>>>
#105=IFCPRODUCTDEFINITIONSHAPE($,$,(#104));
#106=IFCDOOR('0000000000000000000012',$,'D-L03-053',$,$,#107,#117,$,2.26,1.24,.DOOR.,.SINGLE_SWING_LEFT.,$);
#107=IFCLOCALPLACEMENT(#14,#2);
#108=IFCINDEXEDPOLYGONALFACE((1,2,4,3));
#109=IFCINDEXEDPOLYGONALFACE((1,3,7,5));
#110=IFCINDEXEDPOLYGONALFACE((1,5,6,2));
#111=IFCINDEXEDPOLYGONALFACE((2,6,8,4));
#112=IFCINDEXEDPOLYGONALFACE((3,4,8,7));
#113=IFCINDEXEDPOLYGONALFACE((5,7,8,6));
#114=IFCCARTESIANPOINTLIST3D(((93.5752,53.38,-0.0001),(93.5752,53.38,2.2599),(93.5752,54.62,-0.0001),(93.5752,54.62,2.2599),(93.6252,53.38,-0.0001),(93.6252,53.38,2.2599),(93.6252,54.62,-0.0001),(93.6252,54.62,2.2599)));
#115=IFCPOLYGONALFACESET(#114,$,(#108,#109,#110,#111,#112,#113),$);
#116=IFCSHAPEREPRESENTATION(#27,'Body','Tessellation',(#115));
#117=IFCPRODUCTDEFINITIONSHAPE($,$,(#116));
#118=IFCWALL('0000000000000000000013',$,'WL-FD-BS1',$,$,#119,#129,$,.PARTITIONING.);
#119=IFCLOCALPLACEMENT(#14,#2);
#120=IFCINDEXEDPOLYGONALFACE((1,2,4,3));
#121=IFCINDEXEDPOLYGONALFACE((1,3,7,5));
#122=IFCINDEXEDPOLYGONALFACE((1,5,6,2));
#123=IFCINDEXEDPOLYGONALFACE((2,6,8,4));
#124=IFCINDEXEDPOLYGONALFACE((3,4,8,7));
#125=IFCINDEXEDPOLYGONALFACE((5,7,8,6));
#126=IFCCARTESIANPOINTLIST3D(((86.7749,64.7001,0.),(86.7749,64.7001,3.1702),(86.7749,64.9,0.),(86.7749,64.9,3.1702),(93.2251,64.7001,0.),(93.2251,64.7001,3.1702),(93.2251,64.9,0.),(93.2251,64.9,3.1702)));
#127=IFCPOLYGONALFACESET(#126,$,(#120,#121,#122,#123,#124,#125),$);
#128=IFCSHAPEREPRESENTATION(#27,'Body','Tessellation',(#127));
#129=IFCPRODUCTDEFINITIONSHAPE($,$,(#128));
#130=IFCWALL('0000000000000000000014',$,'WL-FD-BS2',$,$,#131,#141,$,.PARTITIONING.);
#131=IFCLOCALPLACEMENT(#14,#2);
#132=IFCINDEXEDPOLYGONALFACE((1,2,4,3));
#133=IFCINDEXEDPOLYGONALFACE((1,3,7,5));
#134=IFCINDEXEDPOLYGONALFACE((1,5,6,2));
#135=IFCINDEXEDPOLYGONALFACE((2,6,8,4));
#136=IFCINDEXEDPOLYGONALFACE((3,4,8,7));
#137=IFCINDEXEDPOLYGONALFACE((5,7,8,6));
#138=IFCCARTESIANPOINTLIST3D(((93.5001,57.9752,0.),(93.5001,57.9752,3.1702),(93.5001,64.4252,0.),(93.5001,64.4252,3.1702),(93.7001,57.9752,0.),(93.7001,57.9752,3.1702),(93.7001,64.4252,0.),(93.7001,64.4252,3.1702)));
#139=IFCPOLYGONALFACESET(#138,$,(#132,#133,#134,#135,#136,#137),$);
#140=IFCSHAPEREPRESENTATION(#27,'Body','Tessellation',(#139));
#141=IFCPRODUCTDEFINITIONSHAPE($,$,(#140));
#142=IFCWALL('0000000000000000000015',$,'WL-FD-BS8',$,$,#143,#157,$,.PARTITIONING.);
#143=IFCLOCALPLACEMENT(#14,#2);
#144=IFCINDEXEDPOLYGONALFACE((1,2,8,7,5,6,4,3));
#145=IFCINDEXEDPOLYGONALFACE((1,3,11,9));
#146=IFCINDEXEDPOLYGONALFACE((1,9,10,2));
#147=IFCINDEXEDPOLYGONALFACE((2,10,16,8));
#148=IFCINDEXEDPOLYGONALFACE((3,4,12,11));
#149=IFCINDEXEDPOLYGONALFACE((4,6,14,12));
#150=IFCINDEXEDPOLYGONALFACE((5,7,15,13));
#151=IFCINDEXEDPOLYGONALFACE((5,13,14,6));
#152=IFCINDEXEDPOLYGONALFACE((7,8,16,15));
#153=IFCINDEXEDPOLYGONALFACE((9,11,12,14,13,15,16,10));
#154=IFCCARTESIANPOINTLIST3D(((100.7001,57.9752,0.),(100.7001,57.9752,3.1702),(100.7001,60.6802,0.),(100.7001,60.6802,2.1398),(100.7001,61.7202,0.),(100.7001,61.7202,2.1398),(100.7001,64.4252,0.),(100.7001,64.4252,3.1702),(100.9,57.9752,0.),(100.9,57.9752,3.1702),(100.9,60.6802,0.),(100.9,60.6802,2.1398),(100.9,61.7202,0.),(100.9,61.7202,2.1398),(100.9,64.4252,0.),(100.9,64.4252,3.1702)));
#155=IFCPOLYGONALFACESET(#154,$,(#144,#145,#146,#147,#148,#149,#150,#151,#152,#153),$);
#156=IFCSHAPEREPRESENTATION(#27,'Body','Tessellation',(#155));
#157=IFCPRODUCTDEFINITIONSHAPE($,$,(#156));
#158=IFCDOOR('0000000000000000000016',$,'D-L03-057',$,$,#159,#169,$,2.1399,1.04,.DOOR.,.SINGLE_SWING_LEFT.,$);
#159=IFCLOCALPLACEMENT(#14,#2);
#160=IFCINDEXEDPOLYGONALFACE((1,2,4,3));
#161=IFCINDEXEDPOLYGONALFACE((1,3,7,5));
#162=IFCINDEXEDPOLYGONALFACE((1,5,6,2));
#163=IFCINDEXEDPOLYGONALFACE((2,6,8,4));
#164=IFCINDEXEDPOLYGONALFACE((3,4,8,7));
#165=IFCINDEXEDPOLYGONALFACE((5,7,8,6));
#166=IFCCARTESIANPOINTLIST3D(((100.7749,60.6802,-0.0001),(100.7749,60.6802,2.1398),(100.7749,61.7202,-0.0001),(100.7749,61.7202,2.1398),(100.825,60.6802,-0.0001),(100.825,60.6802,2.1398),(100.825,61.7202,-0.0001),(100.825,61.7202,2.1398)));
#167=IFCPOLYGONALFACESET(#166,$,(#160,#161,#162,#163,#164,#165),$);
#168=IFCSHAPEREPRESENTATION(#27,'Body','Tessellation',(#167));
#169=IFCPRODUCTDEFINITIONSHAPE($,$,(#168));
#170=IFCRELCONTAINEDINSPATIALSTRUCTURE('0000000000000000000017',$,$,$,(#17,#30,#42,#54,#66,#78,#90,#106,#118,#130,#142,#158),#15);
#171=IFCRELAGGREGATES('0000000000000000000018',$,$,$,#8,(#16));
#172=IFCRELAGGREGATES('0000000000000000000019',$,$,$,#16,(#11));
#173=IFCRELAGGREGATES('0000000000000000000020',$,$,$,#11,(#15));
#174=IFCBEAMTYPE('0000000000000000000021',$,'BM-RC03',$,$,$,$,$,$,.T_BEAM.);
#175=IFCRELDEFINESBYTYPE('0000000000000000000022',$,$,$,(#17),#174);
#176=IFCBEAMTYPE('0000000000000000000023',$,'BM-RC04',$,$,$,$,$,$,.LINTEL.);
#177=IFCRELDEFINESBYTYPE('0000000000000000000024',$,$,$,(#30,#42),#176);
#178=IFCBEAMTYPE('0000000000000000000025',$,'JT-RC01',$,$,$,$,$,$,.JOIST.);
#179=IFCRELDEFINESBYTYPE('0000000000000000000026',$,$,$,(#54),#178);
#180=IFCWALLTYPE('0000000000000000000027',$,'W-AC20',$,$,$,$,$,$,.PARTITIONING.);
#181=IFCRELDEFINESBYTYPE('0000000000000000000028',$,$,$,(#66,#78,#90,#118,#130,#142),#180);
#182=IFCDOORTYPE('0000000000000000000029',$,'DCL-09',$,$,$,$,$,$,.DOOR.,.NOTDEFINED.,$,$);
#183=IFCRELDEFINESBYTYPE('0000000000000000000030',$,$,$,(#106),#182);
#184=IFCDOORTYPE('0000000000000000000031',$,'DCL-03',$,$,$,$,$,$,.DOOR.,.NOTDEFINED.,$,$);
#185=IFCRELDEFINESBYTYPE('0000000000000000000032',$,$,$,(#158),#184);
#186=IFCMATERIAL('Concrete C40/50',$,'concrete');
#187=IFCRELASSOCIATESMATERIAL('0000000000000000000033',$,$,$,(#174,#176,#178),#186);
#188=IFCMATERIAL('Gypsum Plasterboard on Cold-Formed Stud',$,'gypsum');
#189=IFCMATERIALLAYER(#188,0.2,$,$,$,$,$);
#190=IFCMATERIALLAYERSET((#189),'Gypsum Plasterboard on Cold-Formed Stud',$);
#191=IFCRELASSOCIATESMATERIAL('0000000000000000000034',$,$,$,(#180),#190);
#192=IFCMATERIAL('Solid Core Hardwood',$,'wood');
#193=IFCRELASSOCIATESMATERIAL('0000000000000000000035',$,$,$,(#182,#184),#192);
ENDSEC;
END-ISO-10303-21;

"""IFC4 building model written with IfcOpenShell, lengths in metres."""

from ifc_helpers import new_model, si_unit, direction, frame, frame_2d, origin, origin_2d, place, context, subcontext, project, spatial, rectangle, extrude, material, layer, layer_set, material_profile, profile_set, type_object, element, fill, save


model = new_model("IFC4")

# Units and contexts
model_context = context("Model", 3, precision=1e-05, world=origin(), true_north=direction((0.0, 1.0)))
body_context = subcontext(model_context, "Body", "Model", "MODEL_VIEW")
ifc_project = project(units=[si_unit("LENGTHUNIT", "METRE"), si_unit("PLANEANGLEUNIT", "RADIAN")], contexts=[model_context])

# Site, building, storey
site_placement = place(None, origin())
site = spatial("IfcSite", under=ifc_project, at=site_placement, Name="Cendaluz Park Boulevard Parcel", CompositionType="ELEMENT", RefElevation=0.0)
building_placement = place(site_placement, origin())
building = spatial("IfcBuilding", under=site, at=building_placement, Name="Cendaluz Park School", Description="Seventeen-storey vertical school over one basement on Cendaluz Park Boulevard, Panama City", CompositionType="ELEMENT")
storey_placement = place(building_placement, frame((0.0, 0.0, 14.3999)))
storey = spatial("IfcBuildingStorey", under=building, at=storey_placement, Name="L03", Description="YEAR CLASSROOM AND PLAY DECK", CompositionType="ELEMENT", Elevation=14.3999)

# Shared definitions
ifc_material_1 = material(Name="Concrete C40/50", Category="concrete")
<<<
- WHAT IS REQUIRED
All that belongs in the answer is the run of lines above from the line containing "#119=IFCLOCALPLACEMENT(#14,#2);" through the line containing "#141=IFCPRODUCTDEFINITIONSHAPE($,$,(#140));", exactly as written.

- SOLUTION TO THIS TASK
#119=IFCLOCALPLACEMENT(#14,#2);
#120=IFCINDEXEDPOLYGONALFACE((1,2,4,3));
#121=IFCINDEXEDPOLYGONALFACE((1,3,7,5));
#122=IFCINDEXEDPOLYGONALFACE((1,5,6,2));
#123=IFCINDEXEDPOLYGONALFACE((2,6,8,4));
#124=IFCINDEXEDPOLYGONALFACE((3,4,8,7));
#125=IFCINDEXEDPOLYGONALFACE((5,7,8,6));
#126=IFCCARTESIANPOINTLIST3D(((86.7749,64.7001,0.),(86.7749,64.7001,3.1702),(86.7749,64.9,0.),(86.7749,64.9,3.1702),(93.2251,64.7001,0.),(93.2251,64.7001,3.1702),(93.2251,64.9,0.),(93.2251,64.9,3.1702)));
#127=IFCPOLYGONALFACESET(#126,$,(#120,#121,#122,#123,#124,#125),$);
#128=IFCSHAPEREPRESENTATION(#27,'Body','Tessellation',(#127));
#129=IFCPRODUCTDEFINITIONSHAPE($,$,(#128));
#130=IFCWALL('0000000000000000000014',$,'WL-FD-BS2',$,$,#131,#141,$,.PARTITIONING.);
#131=IFCLOCALPLACEMENT(#14,#2);
#132=IFCINDEXEDPOLYGONALFACE((1,2,4,3));
#133=IFCINDEXEDPOLYGONALFACE((1,3,7,5));
#134=IFCINDEXEDPOLYGONALFACE((1,5,6,2));
#135=IFCINDEXEDPOLYGONALFACE((2,6,8,4));
#136=IFCINDEXEDPOLYGONALFACE((3,4,8,7));
#137=IFCINDEXEDPOLYGONALFACE((5,7,8,6));
#138=IFCCARTESIANPOINTLIST3D(((93.5001,57.9752,0.),(93.5001,57.9752,3.1702),(93.5001,64.4252,0.),(93.5001,64.4252,3.1702),(93.7001,57.9752,0.),(93.7001,57.9752,3.1702),(93.7001,64.4252,0.),(93.7001,64.4252,3.1702)));
#139=IFCPOLYGONALFACESET(#138,$,(#132,#133,#134,#135,#136,#137),$);
#140=IFCSHAPEREPRESENTATION(#27,'Body','Tessellation',(#139));
#141=IFCPRODUCTDEFINITIONSHAPE($,$,(#140));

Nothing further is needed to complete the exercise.